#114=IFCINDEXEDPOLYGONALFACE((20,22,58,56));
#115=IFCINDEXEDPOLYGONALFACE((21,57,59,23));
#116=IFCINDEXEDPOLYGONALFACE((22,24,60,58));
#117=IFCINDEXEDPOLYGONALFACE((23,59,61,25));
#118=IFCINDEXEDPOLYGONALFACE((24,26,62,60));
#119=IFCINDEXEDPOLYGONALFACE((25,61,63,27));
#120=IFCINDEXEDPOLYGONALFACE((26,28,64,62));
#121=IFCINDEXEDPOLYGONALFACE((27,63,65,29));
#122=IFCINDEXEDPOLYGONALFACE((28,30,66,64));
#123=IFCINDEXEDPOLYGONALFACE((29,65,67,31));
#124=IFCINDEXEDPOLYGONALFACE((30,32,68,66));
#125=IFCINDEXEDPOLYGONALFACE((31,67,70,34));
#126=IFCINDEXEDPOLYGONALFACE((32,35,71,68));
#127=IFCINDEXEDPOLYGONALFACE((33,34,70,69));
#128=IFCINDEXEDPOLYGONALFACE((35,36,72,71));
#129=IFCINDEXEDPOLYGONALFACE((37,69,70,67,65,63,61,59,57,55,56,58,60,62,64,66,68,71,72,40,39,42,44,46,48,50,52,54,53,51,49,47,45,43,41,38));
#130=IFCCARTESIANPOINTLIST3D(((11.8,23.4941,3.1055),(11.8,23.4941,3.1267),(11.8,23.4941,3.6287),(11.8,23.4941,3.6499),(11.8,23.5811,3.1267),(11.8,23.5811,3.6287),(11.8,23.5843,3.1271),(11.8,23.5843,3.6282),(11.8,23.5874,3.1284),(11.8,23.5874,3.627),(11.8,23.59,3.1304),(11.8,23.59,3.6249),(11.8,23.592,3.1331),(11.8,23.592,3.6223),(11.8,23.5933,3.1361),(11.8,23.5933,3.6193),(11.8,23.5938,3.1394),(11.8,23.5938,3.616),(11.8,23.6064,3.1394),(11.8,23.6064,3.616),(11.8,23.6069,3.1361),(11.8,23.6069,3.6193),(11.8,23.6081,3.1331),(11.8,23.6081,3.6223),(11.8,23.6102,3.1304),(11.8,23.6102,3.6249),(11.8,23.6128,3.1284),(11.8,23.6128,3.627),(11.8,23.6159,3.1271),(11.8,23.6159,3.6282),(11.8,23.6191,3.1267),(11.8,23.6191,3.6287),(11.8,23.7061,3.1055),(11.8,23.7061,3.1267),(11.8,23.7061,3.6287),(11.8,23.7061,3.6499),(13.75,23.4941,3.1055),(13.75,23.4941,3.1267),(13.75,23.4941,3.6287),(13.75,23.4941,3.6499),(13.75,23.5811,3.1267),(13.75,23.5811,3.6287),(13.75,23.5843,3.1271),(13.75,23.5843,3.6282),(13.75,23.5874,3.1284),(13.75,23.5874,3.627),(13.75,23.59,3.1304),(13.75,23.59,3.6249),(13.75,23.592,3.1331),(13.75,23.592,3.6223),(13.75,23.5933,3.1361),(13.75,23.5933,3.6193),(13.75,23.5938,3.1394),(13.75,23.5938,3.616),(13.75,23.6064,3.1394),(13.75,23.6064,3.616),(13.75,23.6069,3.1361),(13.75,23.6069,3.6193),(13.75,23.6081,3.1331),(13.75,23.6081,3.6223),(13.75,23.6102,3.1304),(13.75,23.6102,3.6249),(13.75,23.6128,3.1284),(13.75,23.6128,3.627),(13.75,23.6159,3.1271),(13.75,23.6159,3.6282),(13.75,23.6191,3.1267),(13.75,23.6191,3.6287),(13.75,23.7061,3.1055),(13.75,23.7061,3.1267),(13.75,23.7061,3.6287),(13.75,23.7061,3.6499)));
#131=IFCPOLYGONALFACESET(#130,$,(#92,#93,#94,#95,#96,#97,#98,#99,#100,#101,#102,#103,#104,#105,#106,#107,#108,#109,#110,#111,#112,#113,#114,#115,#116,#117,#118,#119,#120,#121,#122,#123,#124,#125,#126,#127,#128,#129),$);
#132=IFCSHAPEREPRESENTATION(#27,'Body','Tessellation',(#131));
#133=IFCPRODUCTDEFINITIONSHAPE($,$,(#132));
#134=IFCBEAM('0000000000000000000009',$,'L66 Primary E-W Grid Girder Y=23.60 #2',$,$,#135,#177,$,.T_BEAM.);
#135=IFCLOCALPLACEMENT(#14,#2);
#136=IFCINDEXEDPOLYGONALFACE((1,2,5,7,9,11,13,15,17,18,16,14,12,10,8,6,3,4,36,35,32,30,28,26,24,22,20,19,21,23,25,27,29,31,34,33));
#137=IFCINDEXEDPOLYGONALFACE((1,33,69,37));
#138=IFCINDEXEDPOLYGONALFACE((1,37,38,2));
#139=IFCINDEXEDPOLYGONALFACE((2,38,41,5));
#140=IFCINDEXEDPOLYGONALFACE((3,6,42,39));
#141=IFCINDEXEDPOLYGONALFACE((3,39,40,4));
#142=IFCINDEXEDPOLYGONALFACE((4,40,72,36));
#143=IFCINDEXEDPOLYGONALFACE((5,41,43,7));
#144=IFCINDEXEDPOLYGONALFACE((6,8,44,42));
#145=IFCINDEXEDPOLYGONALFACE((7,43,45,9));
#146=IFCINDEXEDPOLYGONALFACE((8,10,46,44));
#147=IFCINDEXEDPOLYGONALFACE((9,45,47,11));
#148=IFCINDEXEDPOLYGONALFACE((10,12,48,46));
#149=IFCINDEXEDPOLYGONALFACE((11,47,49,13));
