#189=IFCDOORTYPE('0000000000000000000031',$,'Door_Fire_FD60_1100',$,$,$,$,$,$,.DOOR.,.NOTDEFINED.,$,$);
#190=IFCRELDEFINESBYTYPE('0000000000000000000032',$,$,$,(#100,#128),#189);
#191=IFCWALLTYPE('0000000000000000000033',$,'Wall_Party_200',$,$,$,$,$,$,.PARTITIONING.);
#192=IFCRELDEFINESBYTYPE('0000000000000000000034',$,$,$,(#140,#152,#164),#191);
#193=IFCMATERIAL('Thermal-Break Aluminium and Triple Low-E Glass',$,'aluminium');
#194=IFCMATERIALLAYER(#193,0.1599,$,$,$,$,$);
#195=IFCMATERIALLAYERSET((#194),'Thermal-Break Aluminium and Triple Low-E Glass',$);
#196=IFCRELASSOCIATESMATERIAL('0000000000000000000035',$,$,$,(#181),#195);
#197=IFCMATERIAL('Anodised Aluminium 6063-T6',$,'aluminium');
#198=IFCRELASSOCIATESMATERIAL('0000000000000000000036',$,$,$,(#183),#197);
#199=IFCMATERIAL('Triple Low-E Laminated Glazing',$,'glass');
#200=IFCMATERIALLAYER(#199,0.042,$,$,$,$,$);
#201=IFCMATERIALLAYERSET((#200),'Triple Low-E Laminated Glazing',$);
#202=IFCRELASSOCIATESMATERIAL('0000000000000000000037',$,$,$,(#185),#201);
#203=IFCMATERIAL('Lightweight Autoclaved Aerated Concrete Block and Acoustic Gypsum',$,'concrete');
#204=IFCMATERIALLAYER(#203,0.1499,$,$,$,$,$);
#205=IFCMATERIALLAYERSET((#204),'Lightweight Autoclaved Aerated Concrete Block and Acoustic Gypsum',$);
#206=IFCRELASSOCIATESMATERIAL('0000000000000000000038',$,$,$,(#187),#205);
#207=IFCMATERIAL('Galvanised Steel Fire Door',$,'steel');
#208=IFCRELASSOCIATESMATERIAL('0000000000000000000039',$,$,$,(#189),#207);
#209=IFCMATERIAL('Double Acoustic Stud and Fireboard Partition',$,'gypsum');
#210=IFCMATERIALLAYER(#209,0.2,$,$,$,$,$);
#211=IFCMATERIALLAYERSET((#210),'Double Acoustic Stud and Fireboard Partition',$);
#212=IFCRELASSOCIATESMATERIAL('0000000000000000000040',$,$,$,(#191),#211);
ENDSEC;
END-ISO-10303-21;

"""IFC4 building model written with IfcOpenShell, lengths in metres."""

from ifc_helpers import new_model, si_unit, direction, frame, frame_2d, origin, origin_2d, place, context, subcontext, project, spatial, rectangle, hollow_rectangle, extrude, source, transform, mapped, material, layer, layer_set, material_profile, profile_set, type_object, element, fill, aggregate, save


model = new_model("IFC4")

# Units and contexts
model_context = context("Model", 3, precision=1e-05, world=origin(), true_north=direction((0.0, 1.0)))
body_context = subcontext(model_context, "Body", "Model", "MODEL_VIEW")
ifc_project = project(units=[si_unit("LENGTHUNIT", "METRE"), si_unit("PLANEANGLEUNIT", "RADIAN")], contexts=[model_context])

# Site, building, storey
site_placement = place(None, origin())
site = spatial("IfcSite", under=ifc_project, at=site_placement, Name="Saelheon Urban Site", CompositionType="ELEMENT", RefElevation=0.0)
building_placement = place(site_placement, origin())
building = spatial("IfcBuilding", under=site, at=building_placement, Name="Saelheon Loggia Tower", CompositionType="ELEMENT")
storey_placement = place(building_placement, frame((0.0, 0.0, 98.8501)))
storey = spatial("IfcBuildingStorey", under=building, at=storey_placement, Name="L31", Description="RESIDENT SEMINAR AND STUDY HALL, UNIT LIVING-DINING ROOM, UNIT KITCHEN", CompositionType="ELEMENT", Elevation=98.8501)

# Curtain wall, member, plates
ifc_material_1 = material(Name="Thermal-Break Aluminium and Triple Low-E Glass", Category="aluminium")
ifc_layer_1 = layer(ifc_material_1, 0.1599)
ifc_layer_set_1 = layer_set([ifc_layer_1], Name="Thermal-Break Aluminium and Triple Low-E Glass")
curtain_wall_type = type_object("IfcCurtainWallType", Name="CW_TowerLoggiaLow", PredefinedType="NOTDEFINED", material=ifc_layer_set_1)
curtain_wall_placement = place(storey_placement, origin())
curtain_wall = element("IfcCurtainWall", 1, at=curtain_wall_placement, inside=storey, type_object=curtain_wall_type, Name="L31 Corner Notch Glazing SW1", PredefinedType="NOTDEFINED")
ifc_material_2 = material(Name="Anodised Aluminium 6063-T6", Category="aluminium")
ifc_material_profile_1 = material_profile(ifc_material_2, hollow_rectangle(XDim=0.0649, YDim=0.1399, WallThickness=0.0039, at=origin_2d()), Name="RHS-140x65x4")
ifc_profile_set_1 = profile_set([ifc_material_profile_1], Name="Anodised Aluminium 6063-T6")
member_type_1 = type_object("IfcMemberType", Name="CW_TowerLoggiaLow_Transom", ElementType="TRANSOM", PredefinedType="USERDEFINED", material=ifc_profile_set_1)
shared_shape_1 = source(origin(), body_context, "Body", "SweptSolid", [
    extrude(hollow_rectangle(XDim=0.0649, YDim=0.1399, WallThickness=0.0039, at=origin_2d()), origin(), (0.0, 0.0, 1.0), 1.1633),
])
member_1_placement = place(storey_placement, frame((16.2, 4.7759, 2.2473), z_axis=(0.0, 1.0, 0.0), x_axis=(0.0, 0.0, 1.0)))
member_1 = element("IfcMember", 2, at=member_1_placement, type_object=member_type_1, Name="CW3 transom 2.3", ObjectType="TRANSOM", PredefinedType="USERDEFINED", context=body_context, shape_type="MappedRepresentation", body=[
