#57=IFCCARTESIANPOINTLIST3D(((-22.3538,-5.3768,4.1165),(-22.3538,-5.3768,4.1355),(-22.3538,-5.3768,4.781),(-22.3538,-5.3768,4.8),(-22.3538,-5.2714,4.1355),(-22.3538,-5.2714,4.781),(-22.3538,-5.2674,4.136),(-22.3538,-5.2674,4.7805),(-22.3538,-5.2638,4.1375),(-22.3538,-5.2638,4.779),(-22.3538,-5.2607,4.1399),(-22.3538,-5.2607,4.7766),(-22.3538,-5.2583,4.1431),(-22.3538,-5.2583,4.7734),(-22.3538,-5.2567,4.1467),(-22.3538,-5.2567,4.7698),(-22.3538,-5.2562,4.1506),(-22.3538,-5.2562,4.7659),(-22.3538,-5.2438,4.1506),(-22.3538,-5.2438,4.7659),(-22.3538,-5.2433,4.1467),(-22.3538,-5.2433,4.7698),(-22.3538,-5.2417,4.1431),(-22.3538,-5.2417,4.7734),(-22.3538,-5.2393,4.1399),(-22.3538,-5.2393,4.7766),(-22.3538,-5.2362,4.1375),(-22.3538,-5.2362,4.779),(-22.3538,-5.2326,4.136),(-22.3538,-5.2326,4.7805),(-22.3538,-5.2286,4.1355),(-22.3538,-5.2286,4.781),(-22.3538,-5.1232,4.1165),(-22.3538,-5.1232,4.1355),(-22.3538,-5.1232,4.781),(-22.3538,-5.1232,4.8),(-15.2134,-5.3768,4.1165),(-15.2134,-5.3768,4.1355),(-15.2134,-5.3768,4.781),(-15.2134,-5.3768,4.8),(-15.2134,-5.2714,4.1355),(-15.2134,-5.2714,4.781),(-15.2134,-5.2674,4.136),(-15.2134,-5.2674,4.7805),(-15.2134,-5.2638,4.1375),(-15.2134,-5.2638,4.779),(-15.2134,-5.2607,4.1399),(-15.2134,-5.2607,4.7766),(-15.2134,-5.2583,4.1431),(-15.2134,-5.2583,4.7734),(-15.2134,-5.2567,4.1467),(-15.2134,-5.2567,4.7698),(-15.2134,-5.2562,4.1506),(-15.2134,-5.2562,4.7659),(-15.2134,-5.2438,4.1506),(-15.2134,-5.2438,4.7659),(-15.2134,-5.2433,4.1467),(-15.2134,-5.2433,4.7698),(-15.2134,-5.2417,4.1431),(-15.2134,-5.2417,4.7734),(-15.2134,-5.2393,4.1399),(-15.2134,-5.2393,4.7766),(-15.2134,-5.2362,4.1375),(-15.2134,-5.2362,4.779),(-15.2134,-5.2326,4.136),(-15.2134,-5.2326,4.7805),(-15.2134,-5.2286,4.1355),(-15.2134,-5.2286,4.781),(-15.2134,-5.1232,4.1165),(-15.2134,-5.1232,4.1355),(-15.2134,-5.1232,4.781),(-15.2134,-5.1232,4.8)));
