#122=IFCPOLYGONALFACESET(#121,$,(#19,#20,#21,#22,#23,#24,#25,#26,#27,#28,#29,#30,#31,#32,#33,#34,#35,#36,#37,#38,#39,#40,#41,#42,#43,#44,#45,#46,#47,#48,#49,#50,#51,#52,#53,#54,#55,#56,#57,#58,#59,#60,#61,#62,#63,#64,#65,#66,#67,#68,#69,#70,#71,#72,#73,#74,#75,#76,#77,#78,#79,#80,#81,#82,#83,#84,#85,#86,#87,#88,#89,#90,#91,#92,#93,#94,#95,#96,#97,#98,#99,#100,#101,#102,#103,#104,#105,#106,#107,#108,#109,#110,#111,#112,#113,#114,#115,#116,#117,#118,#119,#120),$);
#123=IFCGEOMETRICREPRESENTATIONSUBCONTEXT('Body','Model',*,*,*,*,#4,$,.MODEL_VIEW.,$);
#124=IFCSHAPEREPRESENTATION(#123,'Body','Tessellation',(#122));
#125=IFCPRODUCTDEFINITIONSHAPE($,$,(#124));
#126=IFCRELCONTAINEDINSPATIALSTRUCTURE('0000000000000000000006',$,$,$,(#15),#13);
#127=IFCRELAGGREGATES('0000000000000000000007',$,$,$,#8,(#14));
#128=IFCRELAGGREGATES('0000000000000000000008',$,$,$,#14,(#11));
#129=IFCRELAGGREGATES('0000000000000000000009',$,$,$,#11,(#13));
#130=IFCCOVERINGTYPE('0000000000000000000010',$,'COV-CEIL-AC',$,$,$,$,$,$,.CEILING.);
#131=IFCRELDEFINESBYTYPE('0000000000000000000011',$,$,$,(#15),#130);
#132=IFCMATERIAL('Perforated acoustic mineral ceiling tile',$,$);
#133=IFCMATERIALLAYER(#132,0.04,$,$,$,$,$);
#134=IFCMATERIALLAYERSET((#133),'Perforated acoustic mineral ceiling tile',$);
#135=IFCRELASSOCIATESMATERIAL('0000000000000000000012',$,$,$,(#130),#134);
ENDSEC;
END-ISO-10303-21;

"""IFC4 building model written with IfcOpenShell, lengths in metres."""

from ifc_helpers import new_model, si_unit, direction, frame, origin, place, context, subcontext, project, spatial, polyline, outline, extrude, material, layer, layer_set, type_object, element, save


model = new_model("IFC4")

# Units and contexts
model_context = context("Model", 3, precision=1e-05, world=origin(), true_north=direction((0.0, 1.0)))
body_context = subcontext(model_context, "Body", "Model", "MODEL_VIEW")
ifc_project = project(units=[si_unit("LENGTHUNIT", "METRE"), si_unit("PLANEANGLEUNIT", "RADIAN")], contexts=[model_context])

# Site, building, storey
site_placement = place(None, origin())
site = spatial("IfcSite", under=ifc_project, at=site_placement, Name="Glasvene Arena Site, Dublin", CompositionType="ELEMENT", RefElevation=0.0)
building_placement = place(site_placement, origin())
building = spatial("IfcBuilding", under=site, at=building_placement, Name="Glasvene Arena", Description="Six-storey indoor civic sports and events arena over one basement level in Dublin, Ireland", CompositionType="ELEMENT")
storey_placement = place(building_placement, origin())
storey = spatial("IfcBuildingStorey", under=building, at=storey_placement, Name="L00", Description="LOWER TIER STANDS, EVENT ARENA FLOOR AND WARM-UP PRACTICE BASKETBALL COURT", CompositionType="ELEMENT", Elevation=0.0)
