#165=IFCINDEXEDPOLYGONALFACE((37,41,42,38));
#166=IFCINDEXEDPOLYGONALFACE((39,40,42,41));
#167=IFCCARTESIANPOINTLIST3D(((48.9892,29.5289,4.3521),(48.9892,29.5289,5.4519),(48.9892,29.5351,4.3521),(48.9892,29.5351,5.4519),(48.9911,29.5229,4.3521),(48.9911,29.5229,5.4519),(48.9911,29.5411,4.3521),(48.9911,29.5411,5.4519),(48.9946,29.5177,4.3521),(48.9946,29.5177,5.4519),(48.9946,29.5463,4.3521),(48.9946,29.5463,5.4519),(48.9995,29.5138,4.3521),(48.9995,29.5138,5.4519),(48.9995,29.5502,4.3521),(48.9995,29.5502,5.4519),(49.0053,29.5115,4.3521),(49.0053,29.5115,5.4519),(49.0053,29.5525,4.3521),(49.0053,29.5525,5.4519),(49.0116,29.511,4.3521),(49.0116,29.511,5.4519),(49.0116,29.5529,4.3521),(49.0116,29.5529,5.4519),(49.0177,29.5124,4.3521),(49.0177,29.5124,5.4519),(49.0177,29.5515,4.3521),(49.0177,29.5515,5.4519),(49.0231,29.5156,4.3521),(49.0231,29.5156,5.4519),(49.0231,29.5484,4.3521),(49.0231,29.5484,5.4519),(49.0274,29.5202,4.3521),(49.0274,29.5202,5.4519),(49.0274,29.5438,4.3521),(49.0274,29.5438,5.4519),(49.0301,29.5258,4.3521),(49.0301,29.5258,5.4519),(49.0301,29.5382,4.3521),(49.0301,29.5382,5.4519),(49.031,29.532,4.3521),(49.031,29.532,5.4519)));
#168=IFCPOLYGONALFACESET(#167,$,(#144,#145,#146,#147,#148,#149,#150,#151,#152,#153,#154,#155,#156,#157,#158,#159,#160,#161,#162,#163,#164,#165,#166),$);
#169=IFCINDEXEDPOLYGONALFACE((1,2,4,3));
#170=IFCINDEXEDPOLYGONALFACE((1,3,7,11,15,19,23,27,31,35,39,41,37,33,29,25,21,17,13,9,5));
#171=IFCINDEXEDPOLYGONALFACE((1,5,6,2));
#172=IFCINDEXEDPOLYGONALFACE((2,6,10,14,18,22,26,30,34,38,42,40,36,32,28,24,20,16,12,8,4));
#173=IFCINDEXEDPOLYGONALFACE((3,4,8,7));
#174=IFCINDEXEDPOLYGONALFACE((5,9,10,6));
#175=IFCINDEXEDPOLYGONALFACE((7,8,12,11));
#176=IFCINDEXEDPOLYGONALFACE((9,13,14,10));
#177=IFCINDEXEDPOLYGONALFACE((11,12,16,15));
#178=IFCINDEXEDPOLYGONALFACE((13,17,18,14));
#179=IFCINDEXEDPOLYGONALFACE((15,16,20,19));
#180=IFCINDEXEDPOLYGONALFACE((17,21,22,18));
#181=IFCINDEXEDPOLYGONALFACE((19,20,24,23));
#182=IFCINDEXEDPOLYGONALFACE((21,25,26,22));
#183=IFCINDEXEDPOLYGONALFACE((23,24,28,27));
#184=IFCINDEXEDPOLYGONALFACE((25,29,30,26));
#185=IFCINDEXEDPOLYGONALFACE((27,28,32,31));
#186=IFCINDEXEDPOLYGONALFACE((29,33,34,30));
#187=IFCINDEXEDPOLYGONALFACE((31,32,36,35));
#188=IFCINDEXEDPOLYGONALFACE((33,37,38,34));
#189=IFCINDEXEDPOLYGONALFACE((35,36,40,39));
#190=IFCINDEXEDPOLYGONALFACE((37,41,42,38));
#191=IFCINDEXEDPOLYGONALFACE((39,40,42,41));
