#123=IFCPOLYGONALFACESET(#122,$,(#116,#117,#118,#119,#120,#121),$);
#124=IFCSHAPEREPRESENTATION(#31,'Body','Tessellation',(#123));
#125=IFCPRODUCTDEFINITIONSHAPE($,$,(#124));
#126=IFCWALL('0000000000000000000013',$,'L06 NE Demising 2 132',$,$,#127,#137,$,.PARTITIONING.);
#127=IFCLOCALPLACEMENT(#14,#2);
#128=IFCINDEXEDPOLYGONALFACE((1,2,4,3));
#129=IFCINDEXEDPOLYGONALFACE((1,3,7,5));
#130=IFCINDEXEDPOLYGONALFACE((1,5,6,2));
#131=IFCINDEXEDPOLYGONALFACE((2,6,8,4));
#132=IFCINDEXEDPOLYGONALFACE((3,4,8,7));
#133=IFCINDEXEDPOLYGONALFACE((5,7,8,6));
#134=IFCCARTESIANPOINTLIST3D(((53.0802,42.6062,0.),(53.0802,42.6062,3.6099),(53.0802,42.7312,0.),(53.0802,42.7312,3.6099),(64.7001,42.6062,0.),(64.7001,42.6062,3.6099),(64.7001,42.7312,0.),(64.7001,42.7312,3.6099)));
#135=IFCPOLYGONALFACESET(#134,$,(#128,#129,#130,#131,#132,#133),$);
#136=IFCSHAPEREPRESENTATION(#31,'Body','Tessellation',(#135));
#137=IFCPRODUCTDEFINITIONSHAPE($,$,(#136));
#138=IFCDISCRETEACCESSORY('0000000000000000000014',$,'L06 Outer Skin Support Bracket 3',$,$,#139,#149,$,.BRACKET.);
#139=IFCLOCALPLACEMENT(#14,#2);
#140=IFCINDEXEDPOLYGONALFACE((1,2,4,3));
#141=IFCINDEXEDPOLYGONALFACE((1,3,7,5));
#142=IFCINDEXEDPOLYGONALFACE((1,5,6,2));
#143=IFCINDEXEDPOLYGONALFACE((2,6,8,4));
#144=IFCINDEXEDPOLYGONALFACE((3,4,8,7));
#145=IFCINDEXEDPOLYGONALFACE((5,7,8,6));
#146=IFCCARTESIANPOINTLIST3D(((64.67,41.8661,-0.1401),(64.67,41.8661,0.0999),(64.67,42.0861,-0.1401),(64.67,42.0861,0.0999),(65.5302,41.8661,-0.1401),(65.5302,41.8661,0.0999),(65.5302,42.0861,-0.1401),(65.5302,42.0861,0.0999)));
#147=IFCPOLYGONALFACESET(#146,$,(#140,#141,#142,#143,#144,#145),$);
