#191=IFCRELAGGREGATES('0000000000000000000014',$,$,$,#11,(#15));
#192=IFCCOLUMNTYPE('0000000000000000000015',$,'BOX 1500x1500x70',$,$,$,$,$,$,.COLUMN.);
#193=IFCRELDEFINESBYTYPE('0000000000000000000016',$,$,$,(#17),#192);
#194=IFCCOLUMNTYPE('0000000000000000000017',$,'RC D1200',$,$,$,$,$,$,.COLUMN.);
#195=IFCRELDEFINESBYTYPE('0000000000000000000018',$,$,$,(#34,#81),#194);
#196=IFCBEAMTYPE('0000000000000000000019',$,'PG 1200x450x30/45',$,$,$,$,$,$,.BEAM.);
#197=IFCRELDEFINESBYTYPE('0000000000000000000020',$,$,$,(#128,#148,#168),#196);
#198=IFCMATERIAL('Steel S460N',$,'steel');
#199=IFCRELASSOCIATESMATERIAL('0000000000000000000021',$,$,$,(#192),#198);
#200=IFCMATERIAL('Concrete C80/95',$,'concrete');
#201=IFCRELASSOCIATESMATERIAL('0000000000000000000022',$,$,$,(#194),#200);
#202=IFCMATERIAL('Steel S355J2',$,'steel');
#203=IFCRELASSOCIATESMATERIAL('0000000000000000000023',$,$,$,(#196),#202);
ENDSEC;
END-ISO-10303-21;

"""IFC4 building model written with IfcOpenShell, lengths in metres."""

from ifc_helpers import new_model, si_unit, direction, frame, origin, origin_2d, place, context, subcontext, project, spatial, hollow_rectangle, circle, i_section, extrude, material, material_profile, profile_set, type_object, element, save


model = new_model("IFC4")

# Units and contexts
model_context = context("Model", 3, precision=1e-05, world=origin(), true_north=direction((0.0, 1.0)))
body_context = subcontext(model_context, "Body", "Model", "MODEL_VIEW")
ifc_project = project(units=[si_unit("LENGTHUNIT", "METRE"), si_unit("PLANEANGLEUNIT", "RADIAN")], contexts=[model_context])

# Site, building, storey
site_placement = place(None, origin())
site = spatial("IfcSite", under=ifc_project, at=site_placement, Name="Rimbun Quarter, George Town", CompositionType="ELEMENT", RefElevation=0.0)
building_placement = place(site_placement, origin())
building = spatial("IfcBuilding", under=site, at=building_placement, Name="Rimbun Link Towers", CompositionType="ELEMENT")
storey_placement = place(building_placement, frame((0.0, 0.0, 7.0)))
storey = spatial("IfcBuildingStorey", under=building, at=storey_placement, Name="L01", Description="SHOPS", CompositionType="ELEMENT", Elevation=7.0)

--- --- ---

| Directions for this task |
Some lines of the records may hold the word "Category". How many do? Answer with a number and nothing else.

| Answer for this exercise |
2